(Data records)
● ● ● ● ●
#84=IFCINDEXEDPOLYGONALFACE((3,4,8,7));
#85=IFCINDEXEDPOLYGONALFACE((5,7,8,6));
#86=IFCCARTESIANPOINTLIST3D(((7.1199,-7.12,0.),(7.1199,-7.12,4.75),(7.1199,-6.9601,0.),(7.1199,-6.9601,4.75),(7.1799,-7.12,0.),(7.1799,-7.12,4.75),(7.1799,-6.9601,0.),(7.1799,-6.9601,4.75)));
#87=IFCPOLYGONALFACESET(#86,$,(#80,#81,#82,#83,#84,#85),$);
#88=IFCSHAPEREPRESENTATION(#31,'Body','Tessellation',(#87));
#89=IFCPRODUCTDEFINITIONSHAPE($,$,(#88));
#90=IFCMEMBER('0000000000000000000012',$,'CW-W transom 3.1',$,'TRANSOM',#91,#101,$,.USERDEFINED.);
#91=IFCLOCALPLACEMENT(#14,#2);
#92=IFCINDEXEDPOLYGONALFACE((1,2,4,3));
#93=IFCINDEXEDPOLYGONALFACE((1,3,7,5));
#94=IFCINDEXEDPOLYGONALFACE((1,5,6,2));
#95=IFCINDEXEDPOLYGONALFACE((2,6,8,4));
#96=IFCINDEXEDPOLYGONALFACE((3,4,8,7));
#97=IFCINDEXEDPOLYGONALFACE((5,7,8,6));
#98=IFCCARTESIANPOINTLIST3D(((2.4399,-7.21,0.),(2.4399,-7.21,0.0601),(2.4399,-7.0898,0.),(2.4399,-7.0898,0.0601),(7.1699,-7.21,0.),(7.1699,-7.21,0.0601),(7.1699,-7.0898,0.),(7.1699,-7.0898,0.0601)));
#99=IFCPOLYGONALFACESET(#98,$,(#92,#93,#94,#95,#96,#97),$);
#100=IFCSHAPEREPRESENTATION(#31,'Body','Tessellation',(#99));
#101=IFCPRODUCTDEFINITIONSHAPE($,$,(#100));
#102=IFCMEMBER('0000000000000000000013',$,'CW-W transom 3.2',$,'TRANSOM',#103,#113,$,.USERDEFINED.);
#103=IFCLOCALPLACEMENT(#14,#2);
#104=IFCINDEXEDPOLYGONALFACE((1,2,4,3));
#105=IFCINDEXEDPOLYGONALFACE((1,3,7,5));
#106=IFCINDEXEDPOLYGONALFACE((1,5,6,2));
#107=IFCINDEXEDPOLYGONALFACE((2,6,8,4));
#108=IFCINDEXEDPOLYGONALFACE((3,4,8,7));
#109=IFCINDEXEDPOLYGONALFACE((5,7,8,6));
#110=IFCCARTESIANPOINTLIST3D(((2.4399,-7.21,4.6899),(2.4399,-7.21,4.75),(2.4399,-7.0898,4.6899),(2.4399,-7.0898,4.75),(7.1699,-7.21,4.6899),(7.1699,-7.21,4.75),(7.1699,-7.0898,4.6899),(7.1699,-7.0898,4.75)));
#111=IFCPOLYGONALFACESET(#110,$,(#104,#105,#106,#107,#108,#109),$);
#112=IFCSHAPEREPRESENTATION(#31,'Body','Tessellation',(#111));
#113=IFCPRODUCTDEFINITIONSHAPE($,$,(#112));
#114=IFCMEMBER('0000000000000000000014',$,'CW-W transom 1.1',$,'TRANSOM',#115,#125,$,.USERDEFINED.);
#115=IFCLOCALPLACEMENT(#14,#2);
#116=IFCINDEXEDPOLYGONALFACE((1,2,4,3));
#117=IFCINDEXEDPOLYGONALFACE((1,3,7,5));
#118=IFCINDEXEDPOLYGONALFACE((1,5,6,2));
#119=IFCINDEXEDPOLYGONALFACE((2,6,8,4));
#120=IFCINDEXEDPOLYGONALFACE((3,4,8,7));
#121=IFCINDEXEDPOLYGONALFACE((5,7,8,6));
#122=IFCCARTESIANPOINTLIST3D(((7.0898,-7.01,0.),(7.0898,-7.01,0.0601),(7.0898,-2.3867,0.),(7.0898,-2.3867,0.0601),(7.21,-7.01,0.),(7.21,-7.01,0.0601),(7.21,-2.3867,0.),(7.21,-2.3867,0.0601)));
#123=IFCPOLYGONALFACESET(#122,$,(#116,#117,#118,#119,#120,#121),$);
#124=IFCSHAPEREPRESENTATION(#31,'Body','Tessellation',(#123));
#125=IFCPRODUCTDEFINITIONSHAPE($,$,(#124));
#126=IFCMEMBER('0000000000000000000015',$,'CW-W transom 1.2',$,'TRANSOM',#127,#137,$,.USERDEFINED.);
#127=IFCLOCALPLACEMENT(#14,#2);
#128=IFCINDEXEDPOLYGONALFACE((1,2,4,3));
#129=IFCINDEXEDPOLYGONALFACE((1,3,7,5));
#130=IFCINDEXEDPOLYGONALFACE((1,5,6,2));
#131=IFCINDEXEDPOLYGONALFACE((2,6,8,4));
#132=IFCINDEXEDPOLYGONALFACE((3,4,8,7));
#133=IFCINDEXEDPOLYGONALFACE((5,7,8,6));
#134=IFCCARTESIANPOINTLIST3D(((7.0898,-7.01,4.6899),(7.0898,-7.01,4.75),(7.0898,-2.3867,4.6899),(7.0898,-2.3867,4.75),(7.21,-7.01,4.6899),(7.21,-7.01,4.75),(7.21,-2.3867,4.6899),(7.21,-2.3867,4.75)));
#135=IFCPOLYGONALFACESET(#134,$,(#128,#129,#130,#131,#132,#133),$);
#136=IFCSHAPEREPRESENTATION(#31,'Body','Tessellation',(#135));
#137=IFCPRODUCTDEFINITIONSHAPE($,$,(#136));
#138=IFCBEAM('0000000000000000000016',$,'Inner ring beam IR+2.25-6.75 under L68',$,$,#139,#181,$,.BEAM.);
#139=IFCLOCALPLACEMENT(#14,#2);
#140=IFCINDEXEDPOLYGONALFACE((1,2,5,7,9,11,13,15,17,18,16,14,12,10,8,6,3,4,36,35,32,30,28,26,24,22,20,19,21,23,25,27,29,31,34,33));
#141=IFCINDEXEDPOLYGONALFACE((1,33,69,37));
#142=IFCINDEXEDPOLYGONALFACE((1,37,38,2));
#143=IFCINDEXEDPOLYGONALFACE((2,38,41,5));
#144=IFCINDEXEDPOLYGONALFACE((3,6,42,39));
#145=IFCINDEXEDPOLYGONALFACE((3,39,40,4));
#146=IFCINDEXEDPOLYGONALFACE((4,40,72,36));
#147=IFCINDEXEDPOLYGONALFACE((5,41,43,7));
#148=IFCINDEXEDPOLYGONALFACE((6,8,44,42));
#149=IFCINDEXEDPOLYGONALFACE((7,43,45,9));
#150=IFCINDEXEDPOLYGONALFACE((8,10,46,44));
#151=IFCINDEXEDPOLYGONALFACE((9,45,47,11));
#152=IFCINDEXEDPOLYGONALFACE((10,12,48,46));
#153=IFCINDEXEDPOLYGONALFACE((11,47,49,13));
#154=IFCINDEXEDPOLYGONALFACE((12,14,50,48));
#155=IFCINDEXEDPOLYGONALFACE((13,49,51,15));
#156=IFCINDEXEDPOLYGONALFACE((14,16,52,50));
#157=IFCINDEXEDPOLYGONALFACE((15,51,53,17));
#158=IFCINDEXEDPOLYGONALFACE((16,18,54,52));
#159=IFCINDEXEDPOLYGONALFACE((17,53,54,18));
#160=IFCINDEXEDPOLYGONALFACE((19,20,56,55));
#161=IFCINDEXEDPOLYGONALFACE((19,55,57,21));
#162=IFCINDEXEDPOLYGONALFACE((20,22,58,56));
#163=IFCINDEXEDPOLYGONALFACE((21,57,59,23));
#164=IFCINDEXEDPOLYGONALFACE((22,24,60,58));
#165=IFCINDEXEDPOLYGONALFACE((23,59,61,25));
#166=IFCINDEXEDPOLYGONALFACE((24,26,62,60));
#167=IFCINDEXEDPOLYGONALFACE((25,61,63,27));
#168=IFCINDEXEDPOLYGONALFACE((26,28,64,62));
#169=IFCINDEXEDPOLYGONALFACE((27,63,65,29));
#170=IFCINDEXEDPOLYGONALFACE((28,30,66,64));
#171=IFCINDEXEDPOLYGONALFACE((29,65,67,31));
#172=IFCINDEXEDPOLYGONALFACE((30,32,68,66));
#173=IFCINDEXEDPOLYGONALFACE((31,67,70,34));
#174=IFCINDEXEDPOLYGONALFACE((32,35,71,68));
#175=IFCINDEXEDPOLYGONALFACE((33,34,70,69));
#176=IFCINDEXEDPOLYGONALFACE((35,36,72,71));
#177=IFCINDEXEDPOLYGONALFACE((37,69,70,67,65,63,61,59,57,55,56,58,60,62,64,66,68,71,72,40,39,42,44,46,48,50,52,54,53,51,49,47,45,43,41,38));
● ● ● ● ●
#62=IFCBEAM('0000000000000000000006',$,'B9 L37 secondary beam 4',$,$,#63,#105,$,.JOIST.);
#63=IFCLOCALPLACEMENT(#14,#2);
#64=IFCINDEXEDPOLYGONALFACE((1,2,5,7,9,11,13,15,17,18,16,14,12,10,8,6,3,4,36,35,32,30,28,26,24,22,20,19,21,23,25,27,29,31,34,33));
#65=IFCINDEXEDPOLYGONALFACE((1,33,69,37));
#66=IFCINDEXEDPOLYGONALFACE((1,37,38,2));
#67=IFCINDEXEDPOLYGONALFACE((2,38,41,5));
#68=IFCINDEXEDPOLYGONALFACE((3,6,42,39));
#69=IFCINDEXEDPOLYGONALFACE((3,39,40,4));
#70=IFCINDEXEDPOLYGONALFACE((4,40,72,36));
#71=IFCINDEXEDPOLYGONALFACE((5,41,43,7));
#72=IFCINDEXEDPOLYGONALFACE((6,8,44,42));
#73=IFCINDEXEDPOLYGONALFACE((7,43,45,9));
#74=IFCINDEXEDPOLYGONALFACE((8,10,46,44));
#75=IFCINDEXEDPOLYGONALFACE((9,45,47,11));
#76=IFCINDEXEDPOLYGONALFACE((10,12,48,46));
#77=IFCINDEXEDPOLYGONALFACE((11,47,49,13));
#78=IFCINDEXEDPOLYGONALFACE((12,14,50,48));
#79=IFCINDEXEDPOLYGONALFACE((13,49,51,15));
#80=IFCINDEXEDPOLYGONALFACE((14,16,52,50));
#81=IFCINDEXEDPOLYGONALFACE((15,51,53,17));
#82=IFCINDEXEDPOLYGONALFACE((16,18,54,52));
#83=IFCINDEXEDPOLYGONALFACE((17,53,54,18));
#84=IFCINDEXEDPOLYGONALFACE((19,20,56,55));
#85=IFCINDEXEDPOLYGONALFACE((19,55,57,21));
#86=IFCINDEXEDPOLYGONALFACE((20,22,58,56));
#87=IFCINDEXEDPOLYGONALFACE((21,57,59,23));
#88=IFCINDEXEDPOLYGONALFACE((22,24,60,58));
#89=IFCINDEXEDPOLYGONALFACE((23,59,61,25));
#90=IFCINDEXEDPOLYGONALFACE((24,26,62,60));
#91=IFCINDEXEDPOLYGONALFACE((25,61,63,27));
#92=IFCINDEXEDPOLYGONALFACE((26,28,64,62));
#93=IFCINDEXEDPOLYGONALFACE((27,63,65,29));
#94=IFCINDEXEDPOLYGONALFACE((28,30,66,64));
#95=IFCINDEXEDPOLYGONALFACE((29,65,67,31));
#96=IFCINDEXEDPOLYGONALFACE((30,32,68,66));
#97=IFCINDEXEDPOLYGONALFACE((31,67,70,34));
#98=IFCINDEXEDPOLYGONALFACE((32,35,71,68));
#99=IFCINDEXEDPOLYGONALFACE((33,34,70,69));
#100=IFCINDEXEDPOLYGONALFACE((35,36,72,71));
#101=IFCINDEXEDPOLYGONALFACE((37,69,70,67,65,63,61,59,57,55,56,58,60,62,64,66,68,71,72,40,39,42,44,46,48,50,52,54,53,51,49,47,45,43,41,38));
● ● ● ● ●
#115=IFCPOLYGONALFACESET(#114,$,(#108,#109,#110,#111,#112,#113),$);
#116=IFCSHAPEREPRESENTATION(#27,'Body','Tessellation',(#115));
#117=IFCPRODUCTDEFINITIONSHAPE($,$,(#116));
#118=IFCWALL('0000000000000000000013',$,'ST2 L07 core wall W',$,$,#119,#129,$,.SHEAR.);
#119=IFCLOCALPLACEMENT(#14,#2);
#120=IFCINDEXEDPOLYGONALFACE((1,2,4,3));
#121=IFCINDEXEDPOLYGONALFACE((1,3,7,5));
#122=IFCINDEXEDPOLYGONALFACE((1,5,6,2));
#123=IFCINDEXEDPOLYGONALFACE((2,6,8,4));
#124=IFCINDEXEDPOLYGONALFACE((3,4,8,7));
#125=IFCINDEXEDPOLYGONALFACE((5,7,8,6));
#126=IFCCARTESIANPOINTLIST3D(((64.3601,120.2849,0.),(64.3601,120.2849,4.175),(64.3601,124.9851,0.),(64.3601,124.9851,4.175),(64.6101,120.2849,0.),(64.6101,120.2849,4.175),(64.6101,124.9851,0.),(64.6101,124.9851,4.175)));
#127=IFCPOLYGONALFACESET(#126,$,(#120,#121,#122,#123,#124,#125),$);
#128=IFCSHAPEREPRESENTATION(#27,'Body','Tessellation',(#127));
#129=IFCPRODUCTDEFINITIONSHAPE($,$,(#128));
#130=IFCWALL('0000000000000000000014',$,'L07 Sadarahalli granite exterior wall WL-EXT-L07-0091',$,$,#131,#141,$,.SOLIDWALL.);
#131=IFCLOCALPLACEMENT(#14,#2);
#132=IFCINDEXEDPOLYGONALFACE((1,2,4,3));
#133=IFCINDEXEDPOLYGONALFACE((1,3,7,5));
● ● ● ● ●
Try it: Look above for the line with "#150=IFCINDEXEDPOLYGONALFACE((8,10,46,44));" and the line with "#166=IFCINDEXEDPOLYGONALFACE((24,26,62,60));". Write out those two lines and all the lines between them, exactly, and no others.

Solution below:
#150=IFCINDEXEDPOLYGONALFACE((8,10,46,44));
#151=IFCINDEXEDPOLYGONALFACE((9,45,47,11));
#152=IFCINDEXEDPOLYGONALFACE((10,12,48,46));
#153=IFCINDEXEDPOLYGONALFACE((11,47,49,13));
#154=IFCINDEXEDPOLYGONALFACE((12,14,50,48));
#155=IFCINDEXEDPOLYGONALFACE((13,49,51,15));
#156=IFCINDEXEDPOLYGONALFACE((14,16,52,50));
#157=IFCINDEXEDPOLYGONALFACE((15,51,53,17));
#158=IFCINDEXEDPOLYGONALFACE((16,18,54,52));
#159=IFCINDEXEDPOLYGONALFACE((17,53,54,18));
#160=IFCINDEXEDPOLYGONALFACE((19,20,56,55));
#161=IFCINDEXEDPOLYGONALFACE((19,55,57,21));
#162=IFCINDEXEDPOLYGONALFACE((20,22,58,56));
#163=IFCINDEXEDPOLYGONALFACE((21,57,59,23));
#164=IFCINDEXEDPOLYGONALFACE((22,24,60,58));
#165=IFCINDEXEDPOLYGONALFACE((23,59,61,25));
#166=IFCINDEXEDPOLYGONALFACE((24,26,62,60));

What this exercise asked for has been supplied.